Required work: Filter the material, keeping only lines with the word "Bronze".
### Data for review ###
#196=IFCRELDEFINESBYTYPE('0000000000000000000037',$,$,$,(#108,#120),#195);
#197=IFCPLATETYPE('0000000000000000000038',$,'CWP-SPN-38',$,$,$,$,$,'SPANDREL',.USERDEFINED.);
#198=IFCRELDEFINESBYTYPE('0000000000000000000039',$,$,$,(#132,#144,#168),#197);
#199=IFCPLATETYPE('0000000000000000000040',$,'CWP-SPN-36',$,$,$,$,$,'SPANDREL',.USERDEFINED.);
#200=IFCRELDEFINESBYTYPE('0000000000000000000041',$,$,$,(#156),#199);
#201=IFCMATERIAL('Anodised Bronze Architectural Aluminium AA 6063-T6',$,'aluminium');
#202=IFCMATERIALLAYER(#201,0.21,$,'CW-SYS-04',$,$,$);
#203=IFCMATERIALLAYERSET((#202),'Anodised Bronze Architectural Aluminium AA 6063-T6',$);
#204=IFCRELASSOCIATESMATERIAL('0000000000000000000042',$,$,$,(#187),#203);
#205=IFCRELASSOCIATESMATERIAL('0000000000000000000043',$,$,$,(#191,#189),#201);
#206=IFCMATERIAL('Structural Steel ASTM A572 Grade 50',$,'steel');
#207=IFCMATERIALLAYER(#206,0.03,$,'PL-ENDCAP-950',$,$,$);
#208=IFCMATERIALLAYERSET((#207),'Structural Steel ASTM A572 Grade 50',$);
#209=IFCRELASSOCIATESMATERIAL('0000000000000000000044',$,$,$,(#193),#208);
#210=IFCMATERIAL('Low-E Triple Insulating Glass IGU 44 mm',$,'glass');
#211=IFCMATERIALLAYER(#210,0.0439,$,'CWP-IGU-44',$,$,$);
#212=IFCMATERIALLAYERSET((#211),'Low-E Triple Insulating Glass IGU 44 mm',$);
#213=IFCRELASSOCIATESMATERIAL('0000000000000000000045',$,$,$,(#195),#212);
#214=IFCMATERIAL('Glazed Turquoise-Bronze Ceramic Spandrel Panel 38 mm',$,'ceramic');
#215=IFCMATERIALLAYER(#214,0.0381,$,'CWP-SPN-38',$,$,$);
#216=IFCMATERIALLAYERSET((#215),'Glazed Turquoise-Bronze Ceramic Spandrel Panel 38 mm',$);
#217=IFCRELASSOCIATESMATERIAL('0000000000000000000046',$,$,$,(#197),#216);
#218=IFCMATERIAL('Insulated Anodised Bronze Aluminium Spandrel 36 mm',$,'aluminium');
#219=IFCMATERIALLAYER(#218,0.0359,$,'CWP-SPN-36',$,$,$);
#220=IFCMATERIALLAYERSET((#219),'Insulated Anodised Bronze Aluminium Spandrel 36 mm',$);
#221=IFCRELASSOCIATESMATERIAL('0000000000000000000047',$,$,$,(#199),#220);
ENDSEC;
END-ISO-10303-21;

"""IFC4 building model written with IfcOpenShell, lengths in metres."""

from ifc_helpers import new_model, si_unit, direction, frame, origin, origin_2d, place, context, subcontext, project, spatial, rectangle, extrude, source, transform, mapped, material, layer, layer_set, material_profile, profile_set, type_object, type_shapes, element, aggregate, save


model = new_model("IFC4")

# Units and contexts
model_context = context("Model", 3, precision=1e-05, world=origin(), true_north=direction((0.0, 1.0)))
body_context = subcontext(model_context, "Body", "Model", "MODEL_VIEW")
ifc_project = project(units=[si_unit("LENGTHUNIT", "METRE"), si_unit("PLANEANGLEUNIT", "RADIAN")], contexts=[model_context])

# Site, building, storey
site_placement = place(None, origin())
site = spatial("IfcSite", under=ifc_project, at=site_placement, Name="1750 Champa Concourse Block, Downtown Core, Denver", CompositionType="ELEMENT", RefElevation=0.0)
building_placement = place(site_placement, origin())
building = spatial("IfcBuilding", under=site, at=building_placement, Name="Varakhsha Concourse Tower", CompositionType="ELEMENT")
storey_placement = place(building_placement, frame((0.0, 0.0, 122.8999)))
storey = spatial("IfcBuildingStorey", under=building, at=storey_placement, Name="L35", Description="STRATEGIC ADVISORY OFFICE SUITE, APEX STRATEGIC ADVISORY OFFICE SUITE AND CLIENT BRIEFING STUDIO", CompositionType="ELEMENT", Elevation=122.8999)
###
### Data for review ###
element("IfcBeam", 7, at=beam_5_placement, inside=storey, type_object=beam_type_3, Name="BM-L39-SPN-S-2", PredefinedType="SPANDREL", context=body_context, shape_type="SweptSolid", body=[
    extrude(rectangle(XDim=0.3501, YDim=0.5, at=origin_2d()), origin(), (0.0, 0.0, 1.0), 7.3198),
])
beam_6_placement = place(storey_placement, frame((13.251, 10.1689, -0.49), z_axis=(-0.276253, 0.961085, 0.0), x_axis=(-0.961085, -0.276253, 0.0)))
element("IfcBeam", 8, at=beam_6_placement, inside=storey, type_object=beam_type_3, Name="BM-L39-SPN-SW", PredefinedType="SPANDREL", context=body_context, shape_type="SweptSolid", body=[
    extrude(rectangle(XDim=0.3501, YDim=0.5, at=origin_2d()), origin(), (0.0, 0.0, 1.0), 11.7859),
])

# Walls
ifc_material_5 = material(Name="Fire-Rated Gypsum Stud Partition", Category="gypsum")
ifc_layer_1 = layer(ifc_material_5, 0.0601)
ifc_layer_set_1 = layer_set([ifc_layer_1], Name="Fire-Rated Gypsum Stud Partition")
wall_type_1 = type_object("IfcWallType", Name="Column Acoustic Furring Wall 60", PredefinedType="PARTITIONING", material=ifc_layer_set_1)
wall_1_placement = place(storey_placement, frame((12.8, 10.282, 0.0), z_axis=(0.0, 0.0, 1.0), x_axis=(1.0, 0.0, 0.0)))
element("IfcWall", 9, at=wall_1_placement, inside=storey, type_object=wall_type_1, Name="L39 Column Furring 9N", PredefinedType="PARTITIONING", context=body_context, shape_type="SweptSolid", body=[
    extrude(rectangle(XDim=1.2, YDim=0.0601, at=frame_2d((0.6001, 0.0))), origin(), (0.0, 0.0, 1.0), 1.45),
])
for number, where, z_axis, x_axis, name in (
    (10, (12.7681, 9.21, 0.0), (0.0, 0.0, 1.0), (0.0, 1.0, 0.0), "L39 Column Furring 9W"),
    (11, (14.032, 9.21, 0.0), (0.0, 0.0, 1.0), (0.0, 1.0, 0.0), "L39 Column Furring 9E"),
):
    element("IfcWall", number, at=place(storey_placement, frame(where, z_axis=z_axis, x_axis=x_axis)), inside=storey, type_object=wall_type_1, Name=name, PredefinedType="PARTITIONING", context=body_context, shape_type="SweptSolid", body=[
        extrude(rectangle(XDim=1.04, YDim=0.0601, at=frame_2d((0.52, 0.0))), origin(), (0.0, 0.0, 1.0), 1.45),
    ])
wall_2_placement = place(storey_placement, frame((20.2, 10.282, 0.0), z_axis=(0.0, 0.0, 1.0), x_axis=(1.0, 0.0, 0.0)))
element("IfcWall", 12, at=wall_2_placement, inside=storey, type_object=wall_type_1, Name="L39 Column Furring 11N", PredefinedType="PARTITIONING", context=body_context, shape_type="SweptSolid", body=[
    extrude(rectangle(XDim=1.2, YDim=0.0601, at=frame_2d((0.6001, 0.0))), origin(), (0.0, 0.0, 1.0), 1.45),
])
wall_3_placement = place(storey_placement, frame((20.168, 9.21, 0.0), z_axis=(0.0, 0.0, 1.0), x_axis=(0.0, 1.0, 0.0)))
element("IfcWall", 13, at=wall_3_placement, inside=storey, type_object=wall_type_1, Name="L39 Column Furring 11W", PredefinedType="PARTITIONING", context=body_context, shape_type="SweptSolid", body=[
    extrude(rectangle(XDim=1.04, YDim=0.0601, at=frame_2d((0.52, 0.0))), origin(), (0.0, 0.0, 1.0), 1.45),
###
### Data for review ###
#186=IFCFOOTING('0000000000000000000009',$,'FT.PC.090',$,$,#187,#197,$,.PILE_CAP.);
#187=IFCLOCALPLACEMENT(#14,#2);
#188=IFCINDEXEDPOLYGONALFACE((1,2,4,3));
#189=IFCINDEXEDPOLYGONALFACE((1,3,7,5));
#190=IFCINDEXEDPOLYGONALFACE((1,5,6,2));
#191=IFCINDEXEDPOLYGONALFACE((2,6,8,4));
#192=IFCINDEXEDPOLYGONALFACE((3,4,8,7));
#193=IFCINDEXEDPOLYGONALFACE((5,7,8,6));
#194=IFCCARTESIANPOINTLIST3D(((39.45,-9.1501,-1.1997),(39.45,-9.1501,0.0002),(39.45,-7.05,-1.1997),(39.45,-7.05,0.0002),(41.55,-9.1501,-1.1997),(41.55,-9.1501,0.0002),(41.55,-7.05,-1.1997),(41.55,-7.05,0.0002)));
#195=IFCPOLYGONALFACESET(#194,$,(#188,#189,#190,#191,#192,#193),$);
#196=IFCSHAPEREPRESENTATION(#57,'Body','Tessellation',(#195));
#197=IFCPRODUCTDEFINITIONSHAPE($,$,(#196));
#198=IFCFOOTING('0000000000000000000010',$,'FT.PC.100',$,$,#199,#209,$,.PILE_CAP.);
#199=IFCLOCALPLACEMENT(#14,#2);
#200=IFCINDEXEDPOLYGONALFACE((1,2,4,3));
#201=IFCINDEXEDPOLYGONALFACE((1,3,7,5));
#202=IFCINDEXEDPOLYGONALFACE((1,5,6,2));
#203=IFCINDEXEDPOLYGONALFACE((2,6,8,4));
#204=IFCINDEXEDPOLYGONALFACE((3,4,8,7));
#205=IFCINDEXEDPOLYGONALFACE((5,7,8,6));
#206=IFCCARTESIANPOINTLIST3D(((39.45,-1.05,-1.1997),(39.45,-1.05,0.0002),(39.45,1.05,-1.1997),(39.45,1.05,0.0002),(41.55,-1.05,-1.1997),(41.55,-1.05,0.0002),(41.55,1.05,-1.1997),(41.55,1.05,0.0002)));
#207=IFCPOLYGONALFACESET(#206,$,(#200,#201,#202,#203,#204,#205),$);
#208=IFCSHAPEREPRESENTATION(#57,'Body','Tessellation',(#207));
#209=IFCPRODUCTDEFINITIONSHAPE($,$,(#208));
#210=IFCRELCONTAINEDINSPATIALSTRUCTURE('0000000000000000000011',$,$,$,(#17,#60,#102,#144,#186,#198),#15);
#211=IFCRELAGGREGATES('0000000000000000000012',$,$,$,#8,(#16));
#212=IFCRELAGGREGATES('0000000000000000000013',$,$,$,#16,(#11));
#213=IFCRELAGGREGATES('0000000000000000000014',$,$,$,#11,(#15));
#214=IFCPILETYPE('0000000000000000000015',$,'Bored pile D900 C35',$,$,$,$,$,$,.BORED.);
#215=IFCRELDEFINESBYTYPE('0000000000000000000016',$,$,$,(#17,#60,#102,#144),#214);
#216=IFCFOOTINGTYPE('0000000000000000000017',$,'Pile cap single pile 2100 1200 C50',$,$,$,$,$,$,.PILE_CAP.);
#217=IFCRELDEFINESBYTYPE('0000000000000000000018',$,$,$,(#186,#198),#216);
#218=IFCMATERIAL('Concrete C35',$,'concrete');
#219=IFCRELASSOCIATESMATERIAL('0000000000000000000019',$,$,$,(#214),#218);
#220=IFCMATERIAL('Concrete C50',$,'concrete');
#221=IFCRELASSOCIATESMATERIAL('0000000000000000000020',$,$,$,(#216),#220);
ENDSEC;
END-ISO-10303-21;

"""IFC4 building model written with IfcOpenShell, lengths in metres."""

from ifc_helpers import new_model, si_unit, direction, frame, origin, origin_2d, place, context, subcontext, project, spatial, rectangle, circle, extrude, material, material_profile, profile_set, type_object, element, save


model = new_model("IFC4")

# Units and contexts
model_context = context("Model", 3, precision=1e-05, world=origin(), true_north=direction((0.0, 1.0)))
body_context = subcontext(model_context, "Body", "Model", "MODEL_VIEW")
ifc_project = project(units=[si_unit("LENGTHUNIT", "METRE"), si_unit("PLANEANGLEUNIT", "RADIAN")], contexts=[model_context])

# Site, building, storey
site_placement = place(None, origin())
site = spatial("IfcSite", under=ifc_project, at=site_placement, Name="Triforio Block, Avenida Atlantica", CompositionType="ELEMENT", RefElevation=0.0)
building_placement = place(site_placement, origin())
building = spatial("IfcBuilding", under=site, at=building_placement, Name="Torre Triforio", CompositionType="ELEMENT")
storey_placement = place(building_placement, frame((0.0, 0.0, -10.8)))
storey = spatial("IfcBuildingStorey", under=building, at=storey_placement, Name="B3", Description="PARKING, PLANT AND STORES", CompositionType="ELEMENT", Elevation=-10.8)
###
Output:
#201=IFCMATERIAL('Anodised Bronze Architectural Aluminium AA 6063-T6',$,'aluminium');
#203=IFCMATERIALLAYERSET((#202),'Anodised Bronze Architectural Aluminium AA 6063-T6',$);
#214=IFCMATERIAL('Glazed Turquoise-Bronze Ceramic Spandrel Panel 38 mm',$,'ceramic');
#216=IFCMATERIALLAYERSET((#215),'Glazed Turquoise-Bronze Ceramic Spandrel Panel 38 mm',$);
#218=IFCMATERIAL('Insulated Anodised Bronze Aluminium Spandrel 36 mm',$,'aluminium');
#220=IFCMATERIALLAYERSET((#219),'Insulated Anodised Bronze Aluminium Spandrel 36 mm',$);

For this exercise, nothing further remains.